Material provided
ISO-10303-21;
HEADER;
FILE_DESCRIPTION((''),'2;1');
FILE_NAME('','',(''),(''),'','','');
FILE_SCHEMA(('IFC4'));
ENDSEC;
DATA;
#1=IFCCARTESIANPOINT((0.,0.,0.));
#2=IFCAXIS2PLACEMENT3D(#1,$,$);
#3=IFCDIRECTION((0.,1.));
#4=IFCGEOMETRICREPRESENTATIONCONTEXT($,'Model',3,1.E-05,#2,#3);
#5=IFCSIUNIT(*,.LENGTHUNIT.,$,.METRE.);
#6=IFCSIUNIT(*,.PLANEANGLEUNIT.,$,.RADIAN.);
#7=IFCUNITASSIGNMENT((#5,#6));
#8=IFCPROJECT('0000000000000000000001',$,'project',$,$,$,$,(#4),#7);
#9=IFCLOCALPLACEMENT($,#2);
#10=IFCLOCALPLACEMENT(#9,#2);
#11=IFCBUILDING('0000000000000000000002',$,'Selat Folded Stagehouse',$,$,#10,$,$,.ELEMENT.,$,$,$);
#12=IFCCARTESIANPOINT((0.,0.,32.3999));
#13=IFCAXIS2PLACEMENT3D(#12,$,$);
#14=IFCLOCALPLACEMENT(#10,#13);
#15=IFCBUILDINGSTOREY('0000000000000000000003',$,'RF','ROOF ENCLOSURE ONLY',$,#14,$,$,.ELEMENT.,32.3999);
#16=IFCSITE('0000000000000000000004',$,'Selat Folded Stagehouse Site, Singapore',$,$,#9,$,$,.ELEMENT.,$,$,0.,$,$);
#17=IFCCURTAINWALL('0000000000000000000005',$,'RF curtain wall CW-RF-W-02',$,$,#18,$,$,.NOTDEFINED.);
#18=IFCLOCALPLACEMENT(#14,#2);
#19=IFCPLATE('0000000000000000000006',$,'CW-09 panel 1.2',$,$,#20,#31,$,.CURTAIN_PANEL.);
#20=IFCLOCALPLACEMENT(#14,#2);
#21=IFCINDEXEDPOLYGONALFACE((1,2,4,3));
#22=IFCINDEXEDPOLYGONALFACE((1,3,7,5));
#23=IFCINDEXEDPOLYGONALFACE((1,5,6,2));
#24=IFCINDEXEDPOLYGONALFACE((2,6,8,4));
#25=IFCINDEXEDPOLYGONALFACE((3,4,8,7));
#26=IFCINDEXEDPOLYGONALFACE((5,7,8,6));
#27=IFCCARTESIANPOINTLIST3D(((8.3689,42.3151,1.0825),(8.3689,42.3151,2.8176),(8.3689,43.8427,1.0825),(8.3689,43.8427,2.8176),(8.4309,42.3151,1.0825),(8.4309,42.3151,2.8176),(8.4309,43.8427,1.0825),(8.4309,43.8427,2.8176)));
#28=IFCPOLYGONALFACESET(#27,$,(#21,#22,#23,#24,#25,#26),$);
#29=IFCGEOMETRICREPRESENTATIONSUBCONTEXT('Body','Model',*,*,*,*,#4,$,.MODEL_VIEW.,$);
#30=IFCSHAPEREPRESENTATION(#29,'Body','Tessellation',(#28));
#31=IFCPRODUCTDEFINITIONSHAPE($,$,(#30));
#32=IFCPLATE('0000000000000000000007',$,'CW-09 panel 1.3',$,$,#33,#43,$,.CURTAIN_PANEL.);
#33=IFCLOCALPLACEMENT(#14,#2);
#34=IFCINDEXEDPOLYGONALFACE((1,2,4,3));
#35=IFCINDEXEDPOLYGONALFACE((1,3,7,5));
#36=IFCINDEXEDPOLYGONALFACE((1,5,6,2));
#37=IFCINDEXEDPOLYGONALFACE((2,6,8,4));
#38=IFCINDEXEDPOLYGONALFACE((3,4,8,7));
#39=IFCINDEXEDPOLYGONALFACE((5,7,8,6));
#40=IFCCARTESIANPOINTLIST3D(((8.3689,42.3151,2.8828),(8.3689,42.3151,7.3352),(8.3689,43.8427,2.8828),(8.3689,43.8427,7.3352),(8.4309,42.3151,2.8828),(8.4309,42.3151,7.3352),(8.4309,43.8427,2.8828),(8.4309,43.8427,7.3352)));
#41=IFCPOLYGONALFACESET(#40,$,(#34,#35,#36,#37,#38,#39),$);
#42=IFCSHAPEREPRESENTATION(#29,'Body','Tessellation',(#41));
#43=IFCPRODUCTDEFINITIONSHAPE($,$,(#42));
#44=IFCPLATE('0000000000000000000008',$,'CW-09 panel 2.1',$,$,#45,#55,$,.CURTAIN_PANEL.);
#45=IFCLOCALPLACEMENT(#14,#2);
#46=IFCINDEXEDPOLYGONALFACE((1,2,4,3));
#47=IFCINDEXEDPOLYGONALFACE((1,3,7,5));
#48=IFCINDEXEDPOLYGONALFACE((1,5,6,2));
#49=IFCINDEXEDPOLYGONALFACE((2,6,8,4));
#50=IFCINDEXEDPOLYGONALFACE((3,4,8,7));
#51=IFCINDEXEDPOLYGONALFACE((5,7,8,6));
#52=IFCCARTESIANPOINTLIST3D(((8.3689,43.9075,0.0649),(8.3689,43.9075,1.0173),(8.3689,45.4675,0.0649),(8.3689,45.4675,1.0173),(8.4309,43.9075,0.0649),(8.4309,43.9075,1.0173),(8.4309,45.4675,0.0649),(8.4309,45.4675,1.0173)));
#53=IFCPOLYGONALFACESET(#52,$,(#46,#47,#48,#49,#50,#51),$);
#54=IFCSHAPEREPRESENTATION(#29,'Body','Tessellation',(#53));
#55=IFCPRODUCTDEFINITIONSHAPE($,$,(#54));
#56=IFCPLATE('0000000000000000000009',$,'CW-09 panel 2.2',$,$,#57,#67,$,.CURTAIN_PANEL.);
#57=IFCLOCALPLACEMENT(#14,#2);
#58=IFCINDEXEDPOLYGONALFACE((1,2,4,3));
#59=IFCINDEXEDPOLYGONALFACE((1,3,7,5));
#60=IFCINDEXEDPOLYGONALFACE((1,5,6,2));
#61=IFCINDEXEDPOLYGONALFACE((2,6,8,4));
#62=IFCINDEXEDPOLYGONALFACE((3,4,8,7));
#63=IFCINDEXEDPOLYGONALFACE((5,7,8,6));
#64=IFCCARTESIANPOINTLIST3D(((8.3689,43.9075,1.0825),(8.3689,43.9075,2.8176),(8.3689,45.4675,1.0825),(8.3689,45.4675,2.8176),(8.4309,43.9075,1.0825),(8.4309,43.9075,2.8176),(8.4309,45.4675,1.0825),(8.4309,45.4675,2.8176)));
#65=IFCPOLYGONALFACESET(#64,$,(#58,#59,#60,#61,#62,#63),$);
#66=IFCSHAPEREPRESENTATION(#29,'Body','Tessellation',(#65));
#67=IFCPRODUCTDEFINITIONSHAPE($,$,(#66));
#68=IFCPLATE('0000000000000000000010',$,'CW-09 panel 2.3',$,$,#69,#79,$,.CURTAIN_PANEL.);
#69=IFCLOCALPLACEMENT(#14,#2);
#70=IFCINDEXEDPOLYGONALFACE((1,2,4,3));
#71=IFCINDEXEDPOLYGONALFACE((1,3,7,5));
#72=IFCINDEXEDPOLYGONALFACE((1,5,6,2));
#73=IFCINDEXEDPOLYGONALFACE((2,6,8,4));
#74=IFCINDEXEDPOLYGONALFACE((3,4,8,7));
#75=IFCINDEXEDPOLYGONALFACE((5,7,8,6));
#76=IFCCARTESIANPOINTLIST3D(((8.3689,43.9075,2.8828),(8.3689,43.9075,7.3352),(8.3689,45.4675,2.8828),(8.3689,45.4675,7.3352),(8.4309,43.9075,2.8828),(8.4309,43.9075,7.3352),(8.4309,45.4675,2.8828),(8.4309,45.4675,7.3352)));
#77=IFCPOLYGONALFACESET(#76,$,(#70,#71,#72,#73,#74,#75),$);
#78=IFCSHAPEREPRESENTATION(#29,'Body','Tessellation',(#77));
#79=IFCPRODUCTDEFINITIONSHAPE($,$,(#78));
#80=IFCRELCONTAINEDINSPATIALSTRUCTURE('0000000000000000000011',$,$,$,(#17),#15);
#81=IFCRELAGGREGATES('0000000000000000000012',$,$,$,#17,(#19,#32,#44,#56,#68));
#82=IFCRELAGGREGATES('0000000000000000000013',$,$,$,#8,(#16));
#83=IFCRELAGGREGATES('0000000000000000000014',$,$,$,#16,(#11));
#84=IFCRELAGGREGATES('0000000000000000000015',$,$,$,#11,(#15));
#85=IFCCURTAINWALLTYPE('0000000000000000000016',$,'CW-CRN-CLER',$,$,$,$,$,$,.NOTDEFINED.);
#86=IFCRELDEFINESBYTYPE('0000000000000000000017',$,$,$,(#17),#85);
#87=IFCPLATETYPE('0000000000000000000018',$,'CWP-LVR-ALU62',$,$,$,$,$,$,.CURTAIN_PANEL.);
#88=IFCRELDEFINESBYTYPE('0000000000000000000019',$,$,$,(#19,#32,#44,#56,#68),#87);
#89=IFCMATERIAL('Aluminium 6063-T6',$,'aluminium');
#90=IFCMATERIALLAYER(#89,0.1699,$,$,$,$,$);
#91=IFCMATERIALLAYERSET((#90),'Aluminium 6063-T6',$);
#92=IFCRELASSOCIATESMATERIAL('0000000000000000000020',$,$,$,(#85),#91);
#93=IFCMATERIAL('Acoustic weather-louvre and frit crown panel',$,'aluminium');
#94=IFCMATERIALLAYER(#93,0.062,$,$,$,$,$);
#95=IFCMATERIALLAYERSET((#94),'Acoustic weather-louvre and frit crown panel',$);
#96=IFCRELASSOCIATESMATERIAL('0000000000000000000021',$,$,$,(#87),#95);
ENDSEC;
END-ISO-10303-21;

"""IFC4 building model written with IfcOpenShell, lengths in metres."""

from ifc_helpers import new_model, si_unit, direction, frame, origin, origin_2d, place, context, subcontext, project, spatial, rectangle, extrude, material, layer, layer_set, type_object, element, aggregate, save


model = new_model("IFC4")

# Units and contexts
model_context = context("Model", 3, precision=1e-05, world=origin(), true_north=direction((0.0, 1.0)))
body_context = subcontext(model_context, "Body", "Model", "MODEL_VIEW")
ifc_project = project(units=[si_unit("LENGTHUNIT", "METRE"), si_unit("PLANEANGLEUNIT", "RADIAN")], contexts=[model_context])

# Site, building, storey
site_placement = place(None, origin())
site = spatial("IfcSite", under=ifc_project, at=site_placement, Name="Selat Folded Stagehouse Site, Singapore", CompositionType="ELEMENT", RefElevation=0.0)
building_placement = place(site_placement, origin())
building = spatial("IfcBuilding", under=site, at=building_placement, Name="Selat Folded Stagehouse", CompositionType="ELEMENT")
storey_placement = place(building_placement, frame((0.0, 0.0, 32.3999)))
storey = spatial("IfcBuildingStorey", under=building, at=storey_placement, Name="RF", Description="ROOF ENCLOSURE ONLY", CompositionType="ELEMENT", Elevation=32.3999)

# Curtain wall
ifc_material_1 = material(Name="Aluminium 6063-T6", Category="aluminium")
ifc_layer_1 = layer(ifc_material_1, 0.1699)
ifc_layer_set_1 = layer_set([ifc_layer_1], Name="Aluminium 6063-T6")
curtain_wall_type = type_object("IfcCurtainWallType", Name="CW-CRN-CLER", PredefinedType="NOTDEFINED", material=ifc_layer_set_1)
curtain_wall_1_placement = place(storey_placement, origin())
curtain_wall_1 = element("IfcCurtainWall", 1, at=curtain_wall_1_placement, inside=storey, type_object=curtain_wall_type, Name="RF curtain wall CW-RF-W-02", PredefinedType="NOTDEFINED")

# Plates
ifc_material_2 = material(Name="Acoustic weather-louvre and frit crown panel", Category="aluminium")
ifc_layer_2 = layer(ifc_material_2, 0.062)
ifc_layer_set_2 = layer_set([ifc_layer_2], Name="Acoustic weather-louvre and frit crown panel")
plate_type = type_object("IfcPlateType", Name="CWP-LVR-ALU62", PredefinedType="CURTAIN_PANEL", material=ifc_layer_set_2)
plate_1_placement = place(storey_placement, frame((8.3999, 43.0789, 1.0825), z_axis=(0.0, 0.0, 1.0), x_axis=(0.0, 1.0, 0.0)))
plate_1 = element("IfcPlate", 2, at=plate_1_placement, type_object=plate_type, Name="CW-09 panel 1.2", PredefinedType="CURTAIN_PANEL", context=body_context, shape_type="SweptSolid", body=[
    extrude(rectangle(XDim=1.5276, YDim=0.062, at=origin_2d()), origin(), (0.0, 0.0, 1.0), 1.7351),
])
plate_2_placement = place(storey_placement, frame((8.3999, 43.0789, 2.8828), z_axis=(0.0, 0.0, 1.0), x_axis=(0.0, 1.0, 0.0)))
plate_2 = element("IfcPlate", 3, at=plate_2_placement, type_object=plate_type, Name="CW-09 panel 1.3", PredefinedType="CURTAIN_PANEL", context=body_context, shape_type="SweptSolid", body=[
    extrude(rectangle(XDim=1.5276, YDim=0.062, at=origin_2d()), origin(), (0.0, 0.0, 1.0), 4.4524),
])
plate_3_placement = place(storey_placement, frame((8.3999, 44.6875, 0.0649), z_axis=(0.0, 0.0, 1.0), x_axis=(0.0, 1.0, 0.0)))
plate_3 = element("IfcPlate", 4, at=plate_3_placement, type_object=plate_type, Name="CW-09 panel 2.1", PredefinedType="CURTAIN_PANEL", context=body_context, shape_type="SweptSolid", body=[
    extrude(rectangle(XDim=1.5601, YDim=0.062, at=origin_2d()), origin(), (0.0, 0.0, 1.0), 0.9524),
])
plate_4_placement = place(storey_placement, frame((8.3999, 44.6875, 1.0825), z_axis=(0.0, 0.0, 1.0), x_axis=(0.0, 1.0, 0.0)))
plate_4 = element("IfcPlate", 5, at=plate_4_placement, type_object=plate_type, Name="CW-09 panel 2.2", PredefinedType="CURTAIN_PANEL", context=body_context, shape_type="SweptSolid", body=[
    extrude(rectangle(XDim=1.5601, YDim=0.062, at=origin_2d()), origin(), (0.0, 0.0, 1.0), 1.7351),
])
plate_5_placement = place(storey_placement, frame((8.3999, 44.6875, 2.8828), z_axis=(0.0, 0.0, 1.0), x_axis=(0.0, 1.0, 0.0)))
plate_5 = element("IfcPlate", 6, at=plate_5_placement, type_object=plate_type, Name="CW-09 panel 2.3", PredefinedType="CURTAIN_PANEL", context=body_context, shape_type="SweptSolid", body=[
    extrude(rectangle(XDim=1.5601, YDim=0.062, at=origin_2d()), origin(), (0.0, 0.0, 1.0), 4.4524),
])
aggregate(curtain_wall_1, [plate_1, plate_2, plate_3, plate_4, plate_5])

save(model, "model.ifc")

What you should do
Everything above from the line containing "#35=IFCINDEXEDPOLYGONALFACE((1,3,7,5));" through the line containing "#47=IFCINDEXEDPOLYGONALFACE((1,3,7,5));" must be copied exactly. Nothing outside that range belongs in the answer.

Task output
#35=IFCINDEXEDPOLYGONALFACE((1,3,7,5));
#36=IFCINDEXEDPOLYGONALFACE((1,5,6,2));
#37=IFCINDEXEDPOLYGONALFACE((2,6,8,4));
#38=IFCINDEXEDPOLYGONALFACE((3,4,8,7));
#39=IFCINDEXEDPOLYGONALFACE((5,7,8,6));
#40=IFCCARTESIANPOINTLIST3D(((8.3689,42.3151,2.8828),(8.3689,42.3151,7.3352),(8.3689,43.8427,2.8828),(8.3689,43.8427,7.3352),(8.4309,42.3151,2.8828),(8.4309,42.3151,7.3352),(8.4309,43.8427,2.8828),(8.4309,43.8427,7.3352)));
#41=IFCPOLYGONALFACESET(#40,$,(#34,#35,#36,#37,#38,#39),$);
#42=IFCSHAPEREPRESENTATION(#29,'Body','Tessellation',(#41));
#43=IFCPRODUCTDEFINITIONSHAPE($,$,(#42));
#44=IFCPLATE('0000000000000000000008',$,'CW-09 panel 2.1',$,$,#45,#55,$,.CURTAIN_PANEL.);
#45=IFCLOCALPLACEMENT(#14,#2);
#46=IFCINDEXEDPOLYGONALFACE((1,2,4,3));
#47=IFCINDEXEDPOLYGONALFACE((1,3,7,5));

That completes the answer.